### Saved data entries:
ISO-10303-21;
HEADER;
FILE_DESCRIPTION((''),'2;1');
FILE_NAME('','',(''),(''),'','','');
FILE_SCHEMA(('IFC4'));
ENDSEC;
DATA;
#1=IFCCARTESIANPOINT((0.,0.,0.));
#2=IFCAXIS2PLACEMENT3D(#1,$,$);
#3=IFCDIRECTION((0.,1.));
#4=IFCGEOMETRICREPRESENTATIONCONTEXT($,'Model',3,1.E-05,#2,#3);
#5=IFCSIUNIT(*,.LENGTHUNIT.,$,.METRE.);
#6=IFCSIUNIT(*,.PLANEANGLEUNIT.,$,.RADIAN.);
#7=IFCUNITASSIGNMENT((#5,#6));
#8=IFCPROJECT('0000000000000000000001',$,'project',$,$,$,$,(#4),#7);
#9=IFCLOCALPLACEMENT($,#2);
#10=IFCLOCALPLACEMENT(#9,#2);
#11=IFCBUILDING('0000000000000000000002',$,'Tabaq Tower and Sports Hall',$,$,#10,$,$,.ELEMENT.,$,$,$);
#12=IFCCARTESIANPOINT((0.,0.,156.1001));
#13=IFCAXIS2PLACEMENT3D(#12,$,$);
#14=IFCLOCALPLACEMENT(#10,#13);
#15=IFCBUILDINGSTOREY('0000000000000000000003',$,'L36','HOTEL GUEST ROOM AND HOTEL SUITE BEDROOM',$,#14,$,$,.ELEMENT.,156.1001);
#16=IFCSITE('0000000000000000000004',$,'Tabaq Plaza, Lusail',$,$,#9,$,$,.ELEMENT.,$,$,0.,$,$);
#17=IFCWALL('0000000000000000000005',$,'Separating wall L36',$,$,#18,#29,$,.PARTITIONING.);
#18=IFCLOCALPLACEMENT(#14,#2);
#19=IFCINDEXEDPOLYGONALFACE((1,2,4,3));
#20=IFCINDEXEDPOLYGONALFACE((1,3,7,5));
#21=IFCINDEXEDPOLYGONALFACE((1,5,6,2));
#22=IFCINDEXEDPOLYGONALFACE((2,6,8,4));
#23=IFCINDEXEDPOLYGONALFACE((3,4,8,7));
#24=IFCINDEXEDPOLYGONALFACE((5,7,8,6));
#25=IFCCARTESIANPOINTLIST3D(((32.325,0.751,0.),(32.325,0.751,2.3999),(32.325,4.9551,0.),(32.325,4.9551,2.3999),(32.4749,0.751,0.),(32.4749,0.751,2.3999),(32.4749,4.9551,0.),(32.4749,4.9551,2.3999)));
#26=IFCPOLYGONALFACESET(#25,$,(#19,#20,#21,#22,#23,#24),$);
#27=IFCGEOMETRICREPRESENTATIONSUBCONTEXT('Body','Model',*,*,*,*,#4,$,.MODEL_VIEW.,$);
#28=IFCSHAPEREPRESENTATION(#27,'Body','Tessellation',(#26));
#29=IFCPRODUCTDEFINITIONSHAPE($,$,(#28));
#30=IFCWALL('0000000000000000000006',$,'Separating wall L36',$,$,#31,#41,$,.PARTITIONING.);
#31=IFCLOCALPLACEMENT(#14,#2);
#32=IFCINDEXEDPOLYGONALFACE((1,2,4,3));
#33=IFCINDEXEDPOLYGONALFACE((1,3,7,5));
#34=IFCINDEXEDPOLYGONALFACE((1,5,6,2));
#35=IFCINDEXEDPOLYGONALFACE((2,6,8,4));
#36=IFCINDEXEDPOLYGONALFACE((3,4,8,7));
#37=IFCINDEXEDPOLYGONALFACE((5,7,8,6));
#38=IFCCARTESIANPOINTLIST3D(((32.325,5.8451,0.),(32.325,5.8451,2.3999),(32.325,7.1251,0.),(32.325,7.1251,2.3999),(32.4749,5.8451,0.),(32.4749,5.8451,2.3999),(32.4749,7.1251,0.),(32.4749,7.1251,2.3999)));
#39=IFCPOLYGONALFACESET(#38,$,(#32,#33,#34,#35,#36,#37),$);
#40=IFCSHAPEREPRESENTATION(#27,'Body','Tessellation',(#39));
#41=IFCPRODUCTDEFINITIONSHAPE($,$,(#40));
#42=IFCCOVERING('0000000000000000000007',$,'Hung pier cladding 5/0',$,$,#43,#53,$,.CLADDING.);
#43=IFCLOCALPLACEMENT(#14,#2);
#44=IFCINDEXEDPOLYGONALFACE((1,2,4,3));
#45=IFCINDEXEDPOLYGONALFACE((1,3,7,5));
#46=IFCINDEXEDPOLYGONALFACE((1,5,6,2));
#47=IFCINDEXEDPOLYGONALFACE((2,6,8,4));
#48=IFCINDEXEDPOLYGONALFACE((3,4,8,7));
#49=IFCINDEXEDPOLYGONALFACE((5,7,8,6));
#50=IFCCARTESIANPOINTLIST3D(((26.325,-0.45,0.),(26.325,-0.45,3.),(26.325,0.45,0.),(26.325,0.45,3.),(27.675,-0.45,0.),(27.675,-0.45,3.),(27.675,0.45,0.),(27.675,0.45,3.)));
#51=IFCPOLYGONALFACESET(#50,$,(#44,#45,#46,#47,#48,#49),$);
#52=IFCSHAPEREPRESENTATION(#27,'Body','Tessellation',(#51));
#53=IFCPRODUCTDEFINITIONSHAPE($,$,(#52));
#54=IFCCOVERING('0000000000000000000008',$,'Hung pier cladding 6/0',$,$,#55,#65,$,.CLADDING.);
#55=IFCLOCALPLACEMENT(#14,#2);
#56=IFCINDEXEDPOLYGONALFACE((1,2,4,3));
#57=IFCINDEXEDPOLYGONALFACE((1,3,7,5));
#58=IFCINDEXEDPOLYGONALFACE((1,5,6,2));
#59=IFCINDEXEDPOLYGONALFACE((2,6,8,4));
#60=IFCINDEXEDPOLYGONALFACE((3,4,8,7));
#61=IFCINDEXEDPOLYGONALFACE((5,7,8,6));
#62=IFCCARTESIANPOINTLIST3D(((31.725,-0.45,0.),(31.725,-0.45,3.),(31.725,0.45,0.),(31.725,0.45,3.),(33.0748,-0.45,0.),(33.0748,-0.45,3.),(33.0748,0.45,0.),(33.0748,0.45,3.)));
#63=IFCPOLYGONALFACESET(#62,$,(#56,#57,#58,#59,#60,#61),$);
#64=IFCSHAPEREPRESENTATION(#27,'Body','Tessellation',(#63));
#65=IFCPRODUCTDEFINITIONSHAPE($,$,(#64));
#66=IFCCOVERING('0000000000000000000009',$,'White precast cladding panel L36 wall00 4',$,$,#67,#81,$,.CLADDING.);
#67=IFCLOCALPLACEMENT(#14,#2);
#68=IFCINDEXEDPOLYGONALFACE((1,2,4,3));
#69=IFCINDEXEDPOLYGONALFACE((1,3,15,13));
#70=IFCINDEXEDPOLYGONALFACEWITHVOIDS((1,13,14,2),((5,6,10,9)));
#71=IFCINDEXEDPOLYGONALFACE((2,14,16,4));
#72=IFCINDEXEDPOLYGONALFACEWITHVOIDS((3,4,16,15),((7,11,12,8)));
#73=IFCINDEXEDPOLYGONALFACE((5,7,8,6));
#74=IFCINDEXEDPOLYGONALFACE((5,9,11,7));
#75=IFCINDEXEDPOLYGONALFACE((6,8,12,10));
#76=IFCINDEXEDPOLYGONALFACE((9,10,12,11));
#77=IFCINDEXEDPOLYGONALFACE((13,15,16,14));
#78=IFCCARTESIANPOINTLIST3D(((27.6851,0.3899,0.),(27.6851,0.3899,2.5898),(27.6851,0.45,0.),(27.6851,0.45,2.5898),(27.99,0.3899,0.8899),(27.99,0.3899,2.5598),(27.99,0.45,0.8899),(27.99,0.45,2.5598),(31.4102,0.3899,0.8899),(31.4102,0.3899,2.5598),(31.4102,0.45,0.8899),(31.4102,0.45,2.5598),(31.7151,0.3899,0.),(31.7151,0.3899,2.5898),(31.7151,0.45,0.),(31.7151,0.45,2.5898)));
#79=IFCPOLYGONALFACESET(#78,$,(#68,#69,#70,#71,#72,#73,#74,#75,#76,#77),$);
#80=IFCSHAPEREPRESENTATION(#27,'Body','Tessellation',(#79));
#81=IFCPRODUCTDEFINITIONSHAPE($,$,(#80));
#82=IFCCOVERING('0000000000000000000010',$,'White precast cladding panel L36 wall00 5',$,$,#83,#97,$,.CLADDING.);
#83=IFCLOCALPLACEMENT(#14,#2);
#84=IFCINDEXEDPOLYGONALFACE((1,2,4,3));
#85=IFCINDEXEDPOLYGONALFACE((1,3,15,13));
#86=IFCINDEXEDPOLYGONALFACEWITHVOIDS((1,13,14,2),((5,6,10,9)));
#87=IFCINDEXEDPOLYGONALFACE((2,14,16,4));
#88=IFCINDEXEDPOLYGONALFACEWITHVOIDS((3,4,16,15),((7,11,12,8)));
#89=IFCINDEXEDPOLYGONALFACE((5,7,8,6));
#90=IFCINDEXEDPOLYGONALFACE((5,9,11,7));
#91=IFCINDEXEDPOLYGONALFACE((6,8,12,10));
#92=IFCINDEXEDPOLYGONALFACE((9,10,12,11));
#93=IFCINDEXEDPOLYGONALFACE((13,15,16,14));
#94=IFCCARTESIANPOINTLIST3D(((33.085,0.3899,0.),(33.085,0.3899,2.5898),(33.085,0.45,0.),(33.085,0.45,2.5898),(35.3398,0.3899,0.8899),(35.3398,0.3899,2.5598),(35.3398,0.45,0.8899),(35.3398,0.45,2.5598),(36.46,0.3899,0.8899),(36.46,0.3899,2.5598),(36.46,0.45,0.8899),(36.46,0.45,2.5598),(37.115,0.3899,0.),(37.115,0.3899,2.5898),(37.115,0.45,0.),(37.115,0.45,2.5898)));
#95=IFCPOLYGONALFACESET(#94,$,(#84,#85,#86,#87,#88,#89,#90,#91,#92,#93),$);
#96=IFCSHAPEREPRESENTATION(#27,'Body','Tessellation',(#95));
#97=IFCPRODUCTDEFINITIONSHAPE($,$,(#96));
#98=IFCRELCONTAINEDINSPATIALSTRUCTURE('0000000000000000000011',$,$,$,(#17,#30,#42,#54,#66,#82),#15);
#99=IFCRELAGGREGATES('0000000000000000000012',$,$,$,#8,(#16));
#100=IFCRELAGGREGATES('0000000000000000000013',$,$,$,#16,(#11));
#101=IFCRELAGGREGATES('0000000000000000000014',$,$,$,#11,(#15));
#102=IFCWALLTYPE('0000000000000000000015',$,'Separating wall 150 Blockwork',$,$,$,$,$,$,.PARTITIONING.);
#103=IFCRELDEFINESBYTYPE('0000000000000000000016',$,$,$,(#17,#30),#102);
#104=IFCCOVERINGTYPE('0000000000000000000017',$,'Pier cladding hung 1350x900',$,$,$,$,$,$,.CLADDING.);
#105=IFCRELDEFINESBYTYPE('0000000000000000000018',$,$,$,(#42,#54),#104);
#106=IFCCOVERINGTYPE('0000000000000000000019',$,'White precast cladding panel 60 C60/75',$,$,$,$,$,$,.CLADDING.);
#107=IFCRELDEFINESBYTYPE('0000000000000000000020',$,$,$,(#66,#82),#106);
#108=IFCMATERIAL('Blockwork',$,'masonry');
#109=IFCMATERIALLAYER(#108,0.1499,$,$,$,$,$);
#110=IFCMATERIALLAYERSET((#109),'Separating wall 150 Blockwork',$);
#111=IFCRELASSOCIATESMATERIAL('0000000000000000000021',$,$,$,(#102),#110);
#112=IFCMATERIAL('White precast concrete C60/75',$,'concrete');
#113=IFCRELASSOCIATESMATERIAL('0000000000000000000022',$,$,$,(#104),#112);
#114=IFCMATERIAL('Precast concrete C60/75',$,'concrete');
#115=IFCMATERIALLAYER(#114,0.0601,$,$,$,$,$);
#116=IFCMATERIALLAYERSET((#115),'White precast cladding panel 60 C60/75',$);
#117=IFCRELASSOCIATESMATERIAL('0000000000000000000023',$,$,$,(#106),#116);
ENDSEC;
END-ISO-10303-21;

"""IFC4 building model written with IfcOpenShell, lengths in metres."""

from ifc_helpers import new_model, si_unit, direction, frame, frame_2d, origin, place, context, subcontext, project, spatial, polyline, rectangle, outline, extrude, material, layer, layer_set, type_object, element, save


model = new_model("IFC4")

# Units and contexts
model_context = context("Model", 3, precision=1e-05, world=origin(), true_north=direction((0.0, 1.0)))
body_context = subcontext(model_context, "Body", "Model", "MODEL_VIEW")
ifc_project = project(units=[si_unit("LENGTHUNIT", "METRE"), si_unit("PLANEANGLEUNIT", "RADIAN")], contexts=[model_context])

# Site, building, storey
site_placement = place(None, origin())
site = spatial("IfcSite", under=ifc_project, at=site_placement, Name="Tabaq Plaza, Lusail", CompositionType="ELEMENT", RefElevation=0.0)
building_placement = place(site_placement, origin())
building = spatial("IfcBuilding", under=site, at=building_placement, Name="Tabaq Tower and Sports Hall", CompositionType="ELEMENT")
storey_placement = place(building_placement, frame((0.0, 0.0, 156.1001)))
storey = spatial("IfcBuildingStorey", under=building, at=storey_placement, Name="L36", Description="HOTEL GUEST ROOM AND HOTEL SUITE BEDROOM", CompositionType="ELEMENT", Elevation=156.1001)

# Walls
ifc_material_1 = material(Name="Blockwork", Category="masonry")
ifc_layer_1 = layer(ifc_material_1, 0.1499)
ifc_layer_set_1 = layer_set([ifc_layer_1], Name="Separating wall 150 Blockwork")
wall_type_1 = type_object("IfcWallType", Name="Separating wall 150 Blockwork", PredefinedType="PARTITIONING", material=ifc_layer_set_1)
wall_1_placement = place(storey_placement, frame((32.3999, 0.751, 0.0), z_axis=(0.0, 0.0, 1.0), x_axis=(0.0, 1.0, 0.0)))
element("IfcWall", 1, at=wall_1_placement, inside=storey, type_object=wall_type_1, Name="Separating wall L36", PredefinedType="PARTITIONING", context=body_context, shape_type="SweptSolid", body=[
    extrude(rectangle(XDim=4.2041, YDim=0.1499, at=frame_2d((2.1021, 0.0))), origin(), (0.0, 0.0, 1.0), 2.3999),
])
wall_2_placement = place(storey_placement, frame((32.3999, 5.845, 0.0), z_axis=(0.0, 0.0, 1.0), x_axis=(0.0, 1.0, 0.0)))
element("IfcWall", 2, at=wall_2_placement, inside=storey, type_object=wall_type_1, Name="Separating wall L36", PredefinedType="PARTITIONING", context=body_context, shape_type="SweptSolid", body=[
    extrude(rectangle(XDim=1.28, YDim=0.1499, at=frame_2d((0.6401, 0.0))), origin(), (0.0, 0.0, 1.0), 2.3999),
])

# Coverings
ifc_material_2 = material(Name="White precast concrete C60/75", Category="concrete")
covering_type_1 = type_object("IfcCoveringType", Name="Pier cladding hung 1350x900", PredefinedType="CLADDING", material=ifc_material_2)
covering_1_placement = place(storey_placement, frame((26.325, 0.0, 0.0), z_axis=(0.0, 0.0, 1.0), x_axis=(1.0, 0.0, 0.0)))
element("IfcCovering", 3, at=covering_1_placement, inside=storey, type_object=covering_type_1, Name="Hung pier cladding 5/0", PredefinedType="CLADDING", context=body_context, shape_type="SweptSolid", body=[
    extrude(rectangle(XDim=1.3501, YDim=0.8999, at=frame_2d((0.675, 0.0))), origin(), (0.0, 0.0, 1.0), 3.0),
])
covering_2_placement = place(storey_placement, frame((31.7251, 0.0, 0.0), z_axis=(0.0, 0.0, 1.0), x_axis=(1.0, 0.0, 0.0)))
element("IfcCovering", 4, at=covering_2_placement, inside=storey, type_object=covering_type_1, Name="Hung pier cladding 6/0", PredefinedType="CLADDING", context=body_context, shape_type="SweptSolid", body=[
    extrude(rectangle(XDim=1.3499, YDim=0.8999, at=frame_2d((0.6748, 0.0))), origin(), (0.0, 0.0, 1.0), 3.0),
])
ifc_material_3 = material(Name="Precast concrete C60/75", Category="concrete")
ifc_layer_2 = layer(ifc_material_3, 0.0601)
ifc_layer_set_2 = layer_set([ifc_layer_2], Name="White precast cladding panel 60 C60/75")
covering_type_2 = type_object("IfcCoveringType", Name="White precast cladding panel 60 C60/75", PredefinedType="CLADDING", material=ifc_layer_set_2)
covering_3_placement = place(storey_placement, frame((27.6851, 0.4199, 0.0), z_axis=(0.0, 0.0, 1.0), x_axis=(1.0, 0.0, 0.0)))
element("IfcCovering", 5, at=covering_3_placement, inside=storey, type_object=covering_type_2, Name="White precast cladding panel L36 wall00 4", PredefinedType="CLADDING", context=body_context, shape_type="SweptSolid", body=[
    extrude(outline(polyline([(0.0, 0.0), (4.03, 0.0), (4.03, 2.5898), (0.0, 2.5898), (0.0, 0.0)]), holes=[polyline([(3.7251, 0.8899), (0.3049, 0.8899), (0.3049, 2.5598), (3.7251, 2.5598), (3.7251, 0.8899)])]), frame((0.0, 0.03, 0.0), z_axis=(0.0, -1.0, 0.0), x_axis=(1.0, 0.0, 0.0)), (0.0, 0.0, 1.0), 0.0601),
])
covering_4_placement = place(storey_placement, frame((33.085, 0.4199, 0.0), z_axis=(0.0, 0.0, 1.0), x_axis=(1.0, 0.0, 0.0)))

### REQUIRED WORK:
Isolate the lines above that contain the word "IFCPOLYGONALFACESET" and copy them.

### SOLUTION TO THIS EXERCISE:
#26=IFCPOLYGONALFACESET(#25,$,(#19,#20,#21,#22,#23,#24),$);
#39=IFCPOLYGONALFACESET(#38,$,(#32,#33,#34,#35,#36,#37),$);
#51=IFCPOLYGONALFACESET(#50,$,(#44,#45,#46,#47,#48,#49),$);
#63=IFCPOLYGONALFACESET(#62,$,(#56,#57,#58,#59,#60,#61),$);
#79=IFCPOLYGONALFACESET(#78,$,(#68,#69,#70,#71,#72,#73,#74,#75,#76,#77),$);
#95=IFCPOLYGONALFACESET(#94,$,(#84,#85,#86,#87,#88,#89,#90,#91,#92,#93),$);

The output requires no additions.